AIM OF THE TASK - In the material below, find the line containing "#122=IFCINDEXEDPOLYGONALFACE((3,4,16,15));" and the line containing "#131=IFCPRODUCTDEFINITIONSHAPE($,$,(#130));", then reproduce exactly both of them and every line between, and nothing else.

/---

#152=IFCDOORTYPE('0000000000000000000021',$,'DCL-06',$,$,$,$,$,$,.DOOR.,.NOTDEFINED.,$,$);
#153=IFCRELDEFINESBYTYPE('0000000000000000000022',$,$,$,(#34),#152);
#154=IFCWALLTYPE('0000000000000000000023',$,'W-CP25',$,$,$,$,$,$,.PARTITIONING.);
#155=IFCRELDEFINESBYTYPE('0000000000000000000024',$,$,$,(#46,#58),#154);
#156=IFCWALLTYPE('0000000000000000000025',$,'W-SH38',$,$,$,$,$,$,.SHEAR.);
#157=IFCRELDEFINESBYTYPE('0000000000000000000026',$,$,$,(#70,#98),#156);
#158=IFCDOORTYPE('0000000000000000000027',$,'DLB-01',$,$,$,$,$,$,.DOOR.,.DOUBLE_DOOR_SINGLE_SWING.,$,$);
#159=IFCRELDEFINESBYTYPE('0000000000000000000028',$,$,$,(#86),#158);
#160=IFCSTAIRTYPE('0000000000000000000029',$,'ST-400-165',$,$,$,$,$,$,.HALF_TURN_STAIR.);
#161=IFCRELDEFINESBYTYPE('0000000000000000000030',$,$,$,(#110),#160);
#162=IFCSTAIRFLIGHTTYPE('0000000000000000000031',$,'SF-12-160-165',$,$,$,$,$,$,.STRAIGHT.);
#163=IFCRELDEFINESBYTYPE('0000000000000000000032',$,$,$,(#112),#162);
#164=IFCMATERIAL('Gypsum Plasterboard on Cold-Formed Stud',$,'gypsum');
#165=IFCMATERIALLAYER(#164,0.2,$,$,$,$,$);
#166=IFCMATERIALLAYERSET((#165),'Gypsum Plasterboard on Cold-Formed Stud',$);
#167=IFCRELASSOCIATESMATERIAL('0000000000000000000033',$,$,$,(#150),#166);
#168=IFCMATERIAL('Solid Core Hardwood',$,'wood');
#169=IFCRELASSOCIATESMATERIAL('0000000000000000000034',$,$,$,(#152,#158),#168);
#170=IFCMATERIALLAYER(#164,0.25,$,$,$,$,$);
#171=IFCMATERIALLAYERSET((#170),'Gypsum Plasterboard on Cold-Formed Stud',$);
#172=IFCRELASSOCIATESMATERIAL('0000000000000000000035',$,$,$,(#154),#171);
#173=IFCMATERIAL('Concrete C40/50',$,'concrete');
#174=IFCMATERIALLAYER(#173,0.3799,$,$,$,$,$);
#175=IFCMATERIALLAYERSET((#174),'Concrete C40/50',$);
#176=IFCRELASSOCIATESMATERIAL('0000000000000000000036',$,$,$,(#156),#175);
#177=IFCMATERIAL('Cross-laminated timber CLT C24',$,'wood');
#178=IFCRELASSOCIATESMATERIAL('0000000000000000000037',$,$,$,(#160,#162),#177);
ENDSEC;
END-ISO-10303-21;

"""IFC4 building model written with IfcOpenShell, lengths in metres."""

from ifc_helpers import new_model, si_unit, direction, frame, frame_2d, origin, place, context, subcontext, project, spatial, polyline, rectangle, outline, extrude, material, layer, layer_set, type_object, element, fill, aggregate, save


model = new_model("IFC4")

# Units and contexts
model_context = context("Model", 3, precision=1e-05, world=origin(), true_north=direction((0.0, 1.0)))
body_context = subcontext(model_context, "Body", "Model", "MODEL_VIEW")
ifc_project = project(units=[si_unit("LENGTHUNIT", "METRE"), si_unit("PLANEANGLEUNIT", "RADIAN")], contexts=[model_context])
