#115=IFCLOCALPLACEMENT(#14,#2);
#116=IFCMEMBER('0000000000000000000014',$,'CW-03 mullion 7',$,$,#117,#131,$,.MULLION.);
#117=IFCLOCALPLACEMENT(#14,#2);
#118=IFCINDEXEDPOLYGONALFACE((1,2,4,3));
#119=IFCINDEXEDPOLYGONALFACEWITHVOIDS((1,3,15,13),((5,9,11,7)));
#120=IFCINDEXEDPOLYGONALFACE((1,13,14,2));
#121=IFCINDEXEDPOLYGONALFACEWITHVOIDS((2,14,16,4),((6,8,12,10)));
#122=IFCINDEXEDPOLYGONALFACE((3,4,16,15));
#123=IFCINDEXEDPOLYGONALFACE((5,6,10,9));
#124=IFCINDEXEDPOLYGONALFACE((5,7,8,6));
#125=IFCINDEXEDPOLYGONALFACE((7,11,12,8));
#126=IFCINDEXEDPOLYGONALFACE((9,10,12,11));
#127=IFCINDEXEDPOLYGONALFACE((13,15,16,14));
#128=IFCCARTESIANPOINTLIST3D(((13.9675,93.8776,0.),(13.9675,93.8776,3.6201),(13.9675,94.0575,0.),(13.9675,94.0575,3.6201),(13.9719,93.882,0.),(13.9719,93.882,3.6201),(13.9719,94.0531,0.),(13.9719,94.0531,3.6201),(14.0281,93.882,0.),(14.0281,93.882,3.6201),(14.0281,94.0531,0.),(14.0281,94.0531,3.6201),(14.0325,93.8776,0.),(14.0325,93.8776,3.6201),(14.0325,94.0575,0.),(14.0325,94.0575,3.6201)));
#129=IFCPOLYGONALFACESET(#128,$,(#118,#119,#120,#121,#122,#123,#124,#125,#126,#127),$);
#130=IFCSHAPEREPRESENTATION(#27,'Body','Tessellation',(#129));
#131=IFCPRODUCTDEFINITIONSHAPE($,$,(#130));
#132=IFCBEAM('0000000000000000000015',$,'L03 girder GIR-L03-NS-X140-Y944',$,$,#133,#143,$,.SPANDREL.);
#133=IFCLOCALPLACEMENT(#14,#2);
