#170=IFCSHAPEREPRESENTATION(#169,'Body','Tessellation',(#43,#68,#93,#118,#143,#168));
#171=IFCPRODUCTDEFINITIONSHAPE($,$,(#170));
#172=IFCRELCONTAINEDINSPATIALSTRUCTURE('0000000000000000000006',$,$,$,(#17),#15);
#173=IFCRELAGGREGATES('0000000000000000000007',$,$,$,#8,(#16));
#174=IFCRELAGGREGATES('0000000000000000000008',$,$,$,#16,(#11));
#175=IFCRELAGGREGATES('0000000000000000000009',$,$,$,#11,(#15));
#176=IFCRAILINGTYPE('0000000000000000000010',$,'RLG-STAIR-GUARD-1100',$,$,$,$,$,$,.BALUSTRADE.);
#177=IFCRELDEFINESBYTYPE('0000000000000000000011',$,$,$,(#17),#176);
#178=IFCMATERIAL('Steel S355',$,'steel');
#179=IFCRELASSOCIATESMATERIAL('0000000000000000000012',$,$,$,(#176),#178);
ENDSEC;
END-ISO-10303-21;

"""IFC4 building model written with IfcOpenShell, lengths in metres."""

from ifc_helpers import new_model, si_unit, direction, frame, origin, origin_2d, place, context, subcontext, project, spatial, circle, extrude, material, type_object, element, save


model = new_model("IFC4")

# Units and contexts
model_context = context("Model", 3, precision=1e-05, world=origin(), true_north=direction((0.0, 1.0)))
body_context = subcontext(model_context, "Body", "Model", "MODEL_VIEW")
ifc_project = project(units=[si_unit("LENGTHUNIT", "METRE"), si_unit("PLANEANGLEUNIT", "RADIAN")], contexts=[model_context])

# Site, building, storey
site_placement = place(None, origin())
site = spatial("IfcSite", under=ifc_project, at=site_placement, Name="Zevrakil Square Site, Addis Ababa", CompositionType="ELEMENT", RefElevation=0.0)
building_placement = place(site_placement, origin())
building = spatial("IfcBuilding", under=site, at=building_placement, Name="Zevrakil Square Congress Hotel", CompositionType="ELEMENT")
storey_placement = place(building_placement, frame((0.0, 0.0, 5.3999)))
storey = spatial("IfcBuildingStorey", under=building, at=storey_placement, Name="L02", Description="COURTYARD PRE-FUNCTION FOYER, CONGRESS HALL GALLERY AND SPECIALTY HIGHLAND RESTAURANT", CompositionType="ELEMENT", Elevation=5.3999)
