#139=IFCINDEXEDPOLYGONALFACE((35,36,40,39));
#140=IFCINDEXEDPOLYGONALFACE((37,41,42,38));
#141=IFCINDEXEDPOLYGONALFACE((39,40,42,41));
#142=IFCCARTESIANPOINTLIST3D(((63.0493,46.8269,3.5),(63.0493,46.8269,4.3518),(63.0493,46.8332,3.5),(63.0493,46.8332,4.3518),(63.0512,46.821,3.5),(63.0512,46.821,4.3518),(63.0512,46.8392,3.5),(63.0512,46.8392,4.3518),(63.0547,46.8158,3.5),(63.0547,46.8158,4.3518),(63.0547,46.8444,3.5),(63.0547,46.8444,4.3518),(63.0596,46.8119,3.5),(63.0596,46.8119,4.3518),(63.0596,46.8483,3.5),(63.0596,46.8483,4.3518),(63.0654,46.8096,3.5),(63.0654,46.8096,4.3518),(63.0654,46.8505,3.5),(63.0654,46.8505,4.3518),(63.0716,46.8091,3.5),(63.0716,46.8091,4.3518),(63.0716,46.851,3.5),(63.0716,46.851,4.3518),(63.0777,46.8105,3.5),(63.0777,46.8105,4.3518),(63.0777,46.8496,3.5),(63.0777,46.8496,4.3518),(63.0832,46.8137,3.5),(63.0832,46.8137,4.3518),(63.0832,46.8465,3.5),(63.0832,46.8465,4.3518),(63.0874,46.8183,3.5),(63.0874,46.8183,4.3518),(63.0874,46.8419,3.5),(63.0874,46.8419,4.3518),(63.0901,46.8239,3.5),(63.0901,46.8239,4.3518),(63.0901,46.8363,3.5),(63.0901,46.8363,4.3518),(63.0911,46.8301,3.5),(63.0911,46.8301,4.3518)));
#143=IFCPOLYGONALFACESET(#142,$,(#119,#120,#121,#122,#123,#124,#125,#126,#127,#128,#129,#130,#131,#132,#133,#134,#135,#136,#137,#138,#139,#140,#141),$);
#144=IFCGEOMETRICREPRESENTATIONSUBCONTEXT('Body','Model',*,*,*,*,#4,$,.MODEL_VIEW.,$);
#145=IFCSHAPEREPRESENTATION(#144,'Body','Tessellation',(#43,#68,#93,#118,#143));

\---

TASK OUTPUT -
#122=IFCINDEXEDPOLYGONALFACE((3,4,16,15));
#123=IFCINDEXEDPOLYGONALFACE((5,6,10,9));
#124=IFCINDEXEDPOLYGONALFACE((5,7,8,6));
#125=IFCINDEXEDPOLYGONALFACE((7,11,12,8));
#126=IFCINDEXEDPOLYGONALFACE((9,10,12,11));
#127=IFCINDEXEDPOLYGONALFACE((13,15,16,14));
#128=IFCCARTESIANPOINTLIST3D(((13.9675,93.8776,0.),(13.9675,93.8776,3.6201),(13.9675,94.0575,0.),(13.9675,94.0575,3.6201),(13.9719,93.882,0.),(13.9719,93.882,3.6201),(13.9719,94.0531,0.),(13.9719,94.0531,3.6201),(14.0281,93.882,0.),(14.0281,93.882,3.6201),(14.0281,94.0531,0.),(14.0281,94.0531,3.6201),(14.0325,93.8776,0.),(14.0325,93.8776,3.6201),(14.0325,94.0575,0.),(14.0325,94.0575,3.6201)));
#129=IFCPOLYGONALFACESET(#128,$,(#118,#119,#120,#121,#122,#123,#124,#125,#126,#127),$);
#130=IFCSHAPEREPRESENTATION(#27,'Body','Tessellation',(#129));
#131=IFCPRODUCTDEFINITIONSHAPE($,$,(#130));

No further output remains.